> _PROBLEM DESCRIPTION_: Repeat the entries beneath in their entirety, precisely as given.

***** SUPPLIED MATERIAL *****

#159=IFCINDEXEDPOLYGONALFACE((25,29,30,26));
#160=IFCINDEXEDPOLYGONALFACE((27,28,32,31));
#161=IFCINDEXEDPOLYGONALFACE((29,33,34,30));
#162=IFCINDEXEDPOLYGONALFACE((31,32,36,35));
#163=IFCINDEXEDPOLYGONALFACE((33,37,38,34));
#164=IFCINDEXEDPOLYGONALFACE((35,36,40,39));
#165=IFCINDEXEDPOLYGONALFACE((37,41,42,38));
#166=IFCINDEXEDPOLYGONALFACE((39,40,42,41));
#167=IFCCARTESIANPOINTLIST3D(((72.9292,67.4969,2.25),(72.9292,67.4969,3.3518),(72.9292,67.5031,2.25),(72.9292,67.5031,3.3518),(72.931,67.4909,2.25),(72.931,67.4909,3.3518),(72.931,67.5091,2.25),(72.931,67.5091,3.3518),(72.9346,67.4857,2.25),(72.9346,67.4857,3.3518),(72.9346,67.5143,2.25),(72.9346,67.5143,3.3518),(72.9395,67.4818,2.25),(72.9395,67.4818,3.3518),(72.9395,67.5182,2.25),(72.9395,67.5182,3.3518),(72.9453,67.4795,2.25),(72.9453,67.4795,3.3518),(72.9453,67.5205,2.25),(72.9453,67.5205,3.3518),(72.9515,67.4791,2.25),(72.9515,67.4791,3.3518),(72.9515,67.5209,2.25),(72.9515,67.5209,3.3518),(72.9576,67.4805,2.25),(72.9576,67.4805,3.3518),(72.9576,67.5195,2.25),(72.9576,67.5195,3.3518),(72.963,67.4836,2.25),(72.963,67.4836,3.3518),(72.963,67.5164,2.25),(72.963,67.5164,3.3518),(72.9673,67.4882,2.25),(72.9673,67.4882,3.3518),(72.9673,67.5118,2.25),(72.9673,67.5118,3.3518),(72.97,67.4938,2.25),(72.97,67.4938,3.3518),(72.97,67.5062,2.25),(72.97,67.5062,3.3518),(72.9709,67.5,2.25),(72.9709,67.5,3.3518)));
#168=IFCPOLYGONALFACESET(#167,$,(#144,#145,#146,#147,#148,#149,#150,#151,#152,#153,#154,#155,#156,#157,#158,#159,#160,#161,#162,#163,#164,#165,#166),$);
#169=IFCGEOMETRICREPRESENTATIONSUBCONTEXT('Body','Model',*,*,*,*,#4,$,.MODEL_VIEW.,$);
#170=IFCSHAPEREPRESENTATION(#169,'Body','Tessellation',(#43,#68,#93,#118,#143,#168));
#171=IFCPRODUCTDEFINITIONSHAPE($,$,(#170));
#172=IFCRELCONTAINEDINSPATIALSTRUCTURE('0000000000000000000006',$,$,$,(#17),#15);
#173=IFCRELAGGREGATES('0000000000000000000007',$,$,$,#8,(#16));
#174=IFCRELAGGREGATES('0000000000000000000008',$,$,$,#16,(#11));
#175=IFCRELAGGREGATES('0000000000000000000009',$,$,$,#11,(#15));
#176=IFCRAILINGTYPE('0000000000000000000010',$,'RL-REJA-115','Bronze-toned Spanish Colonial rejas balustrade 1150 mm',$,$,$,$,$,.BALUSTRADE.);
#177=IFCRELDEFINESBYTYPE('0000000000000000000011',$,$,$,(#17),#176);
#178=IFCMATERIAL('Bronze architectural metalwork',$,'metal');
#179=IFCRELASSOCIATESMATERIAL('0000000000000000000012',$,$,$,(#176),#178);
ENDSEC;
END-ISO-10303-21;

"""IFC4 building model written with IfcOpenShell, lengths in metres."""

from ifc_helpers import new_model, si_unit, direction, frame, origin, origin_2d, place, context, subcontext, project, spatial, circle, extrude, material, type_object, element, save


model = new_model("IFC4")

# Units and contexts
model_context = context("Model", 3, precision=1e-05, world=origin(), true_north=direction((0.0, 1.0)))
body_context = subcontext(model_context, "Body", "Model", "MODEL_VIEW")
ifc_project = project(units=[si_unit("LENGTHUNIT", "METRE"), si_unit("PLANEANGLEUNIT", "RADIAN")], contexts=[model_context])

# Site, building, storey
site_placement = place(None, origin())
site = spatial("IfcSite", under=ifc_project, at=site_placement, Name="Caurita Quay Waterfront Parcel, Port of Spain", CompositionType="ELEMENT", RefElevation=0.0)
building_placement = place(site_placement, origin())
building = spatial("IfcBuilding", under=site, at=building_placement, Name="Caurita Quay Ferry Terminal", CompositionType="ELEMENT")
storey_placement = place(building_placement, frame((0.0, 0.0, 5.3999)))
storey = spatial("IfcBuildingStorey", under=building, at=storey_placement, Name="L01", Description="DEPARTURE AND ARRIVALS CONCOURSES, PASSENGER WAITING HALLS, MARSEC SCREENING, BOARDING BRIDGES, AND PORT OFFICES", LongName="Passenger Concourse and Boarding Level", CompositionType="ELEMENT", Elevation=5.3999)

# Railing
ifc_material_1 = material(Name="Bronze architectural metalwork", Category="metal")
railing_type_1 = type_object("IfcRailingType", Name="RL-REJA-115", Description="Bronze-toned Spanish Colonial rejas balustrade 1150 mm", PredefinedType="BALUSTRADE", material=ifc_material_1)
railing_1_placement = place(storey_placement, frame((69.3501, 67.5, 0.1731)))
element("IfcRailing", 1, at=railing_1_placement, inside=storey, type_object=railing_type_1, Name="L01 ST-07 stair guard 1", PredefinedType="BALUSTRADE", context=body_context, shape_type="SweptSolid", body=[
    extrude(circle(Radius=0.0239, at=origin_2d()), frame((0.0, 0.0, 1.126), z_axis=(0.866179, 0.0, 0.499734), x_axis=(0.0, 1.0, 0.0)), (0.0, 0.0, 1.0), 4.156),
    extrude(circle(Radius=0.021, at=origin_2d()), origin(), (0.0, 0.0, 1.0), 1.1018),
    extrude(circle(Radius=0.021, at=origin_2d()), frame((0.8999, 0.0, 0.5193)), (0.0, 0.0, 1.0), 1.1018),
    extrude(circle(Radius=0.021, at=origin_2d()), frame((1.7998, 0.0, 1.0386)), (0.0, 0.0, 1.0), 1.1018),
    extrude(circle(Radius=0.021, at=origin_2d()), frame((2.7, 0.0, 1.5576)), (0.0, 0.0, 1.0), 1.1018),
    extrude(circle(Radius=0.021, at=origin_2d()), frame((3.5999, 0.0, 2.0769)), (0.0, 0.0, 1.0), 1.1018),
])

*****

> _ANSWER SECTION_:
#159=IFCINDEXEDPOLYGONALFACE((25,29,30,26));
#160=IFCINDEXEDPOLYGONALFACE((27,28,32,31));
#161=IFCINDEXEDPOLYGONALFACE((29,33,34,30));
#162=IFCINDEXEDPOLYGONALFACE((31,32,36,35));
#163=IFCINDEXEDPOLYGONALFACE((33,37,38,34));
#164=IFCINDEXEDPOLYGONALFACE((35,36,40,39));
#165=IFCINDEXEDPOLYGONALFACE((37,41,42,38));
#166=IFCINDEXEDPOLYGONALFACE((39,40,42,41));
#167=IFCCARTESIANPOINTLIST3D(((72.9292,67.4969,2.25),(72.9292,67.4969,3.3518),(72.9292,67.5031,2.25),(72.9292,67.5031,3.3518),(72.931,67.4909,2.25),(72.931,67.4909,3.3518),(72.931,67.5091,2.25),(72.931,67.5091,3.3518),(72.9346,67.4857,2.25),(72.9346,67.4857,3.3518),(72.9346,67.5143,2.25),(72.9346,67.5143,3.3518),(72.9395,67.4818,2.25),(72.9395,67.4818,3.3518),(72.9395,67.5182,2.25),(72.9395,67.5182,3.3518),(72.9453,67.4795,2.25),(72.9453,67.4795,3.3518),(72.9453,67.5205,2.25),(72.9453,67.5205,3.3518),(72.9515,67.4791,2.25),(72.9515,67.4791,3.3518),(72.9515,67.5209,2.25),(72.9515,67.5209,3.3518),(72.9576,67.4805,2.25),(72.9576,67.4805,3.3518),(72.9576,67.5195,2.25),(72.9576,67.5195,3.3518),(72.963,67.4836,2.25),(72.963,67.4836,3.3518),(72.963,67.5164,2.25),(72.963,67.5164,3.3518),(72.9673,67.4882,2.25),(72.9673,67.4882,3.3518),(72.9673,67.5118,2.25),(72.9673,67.5118,3.3518),(72.97,67.4938,2.25),(72.97,67.4938,3.3518),(72.97,67.5062,2.25),(72.97,67.5062,3.3518),(72.9709,67.5,2.25),(72.9709,67.5,3.3518)));
#168=IFCPOLYGONALFACESET(#167,$,(#144,#145,#146,#147,#148,#149,#150,#151,#152,#153,#154,#155,#156,#157,#158,#159,#160,#161,#162,#163,#164,#165,#166),$);
#169=IFCGEOMETRICREPRESENTATIONSUBCONTEXT('Body','Model',*,*,*,*,#4,$,.MODEL_VIEW.,$);
#170=IFCSHAPEREPRESENTATION(#169,'Body','Tessellation',(#43,#68,#93,#118,#143,#168));
#171=IFCPRODUCTDEFINITIONSHAPE($,$,(#170));
#172=IFCRELCONTAINEDINSPATIALSTRUCTURE('0000000000000000000006',$,$,$,(#17),#15);
#173=IFCRELAGGREGATES('0000000000000000000007',$,$,$,#8,(#16));
#174=IFCRELAGGREGATES('0000000000000000000008',$,$,$,#16,(#11));
#175=IFCRELAGGREGATES('0000000000000000000009',$,$,$,#11,(#15));
#176=IFCRAILINGTYPE('0000000000000000000010',$,'RL-REJA-115','Bronze-toned Spanish Colonial rejas balustrade 1150 mm',$,$,$,$,$,.BALUSTRADE.);
#177=IFCRELDEFINESBYTYPE('0000000000000000000011',$,$,$,(#17),#176);
#178=IFCMATERIAL('Bronze architectural metalwork',$,'metal');
#179=IFCRELASSOCIATESMATERIAL('0000000000000000000012',$,$,$,(#176),#178);
ENDSEC;
END-ISO-10303-21;

"""IFC4 building model written with IfcOpenShell, lengths in metres."""

from ifc_helpers import new_model, si_unit, direction, frame, origin, origin_2d, place, context, subcontext, project, spatial, circle, extrude, material, type_object, element, save


model = new_model("IFC4")

# Units and contexts
model_context = context("Model", 3, precision=1e-05, world=origin(), true_north=direction((0.0, 1.0)))
body_context = subcontext(model_context, "Body", "Model", "MODEL_VIEW")
ifc_project = project(units=[si_unit("LENGTHUNIT", "METRE"), si_unit("PLANEANGLEUNIT", "RADIAN")], contexts=[model_context])

# Site, building, storey
site_placement = place(None, origin())
site = spatial("IfcSite", under=ifc_project, at=site_placement, Name="Caurita Quay Waterfront Parcel, Port of Spain", CompositionType="ELEMENT", RefElevation=0.0)
building_placement = place(site_placement, origin())
building = spatial("IfcBuilding", under=site, at=building_placement, Name="Caurita Quay Ferry Terminal", CompositionType="ELEMENT")
storey_placement = place(building_placement, frame((0.0, 0.0, 5.3999)))
storey = spatial("IfcBuildingStorey", under=building, at=storey_placement, Name="L01", Description="DEPARTURE AND ARRIVALS CONCOURSES, PASSENGER WAITING HALLS, MARSEC SCREENING, BOARDING BRIDGES, AND PORT OFFICES", LongName="Passenger Concourse and Boarding Level", CompositionType="ELEMENT", Elevation=5.3999)

# Railing
ifc_material_1 = material(Name="Bronze architectural metalwork", Category="metal")
railing_type_1 = type_object("IfcRailingType", Name="RL-REJA-115", Description="Bronze-toned Spanish Colonial rejas balustrade 1150 mm", PredefinedType="BALUSTRADE", material=ifc_material_1)
railing_1_placement = place(storey_placement, frame((69.3501, 67.5, 0.1731)))
element("IfcRailing", 1, at=railing_1_placement, inside=storey, type_object=railing_type_1, Name="L01 ST-07 stair guard 1", PredefinedType="BALUSTRADE", context=body_context, shape_type="SweptSolid", body=[
    extrude(circle(Radius=0.0239, at=origin_2d()), frame((0.0, 0.0, 1.126), z_axis=(0.866179, 0.0, 0.499734), x_axis=(0.0, 1.0, 0.0)), (0.0, 0.0, 1.0), 4.156),
    extrude(circle(Radius=0.021, at=origin_2d()), origin(), (0.0, 0.0, 1.0), 1.1018),
    extrude(circle(Radius=0.021, at=origin_2d()), frame((0.8999, 0.0, 0.5193)), (0.0, 0.0, 1.0), 1.1018),
    extrude(circle(Radius=0.021, at=origin_2d()), frame((1.7998, 0.0, 1.0386)), (0.0, 0.0, 1.0), 1.1018),
    extrude(circle(Radius=0.021, at=origin_2d()), frame((2.7, 0.0, 1.5576)), (0.0, 0.0, 1.0), 1.1018),
    extrude(circle(Radius=0.021, at=origin_2d()), frame((3.5999, 0.0, 2.0769)), (0.0, 0.0, 1.0), 1.1018),
])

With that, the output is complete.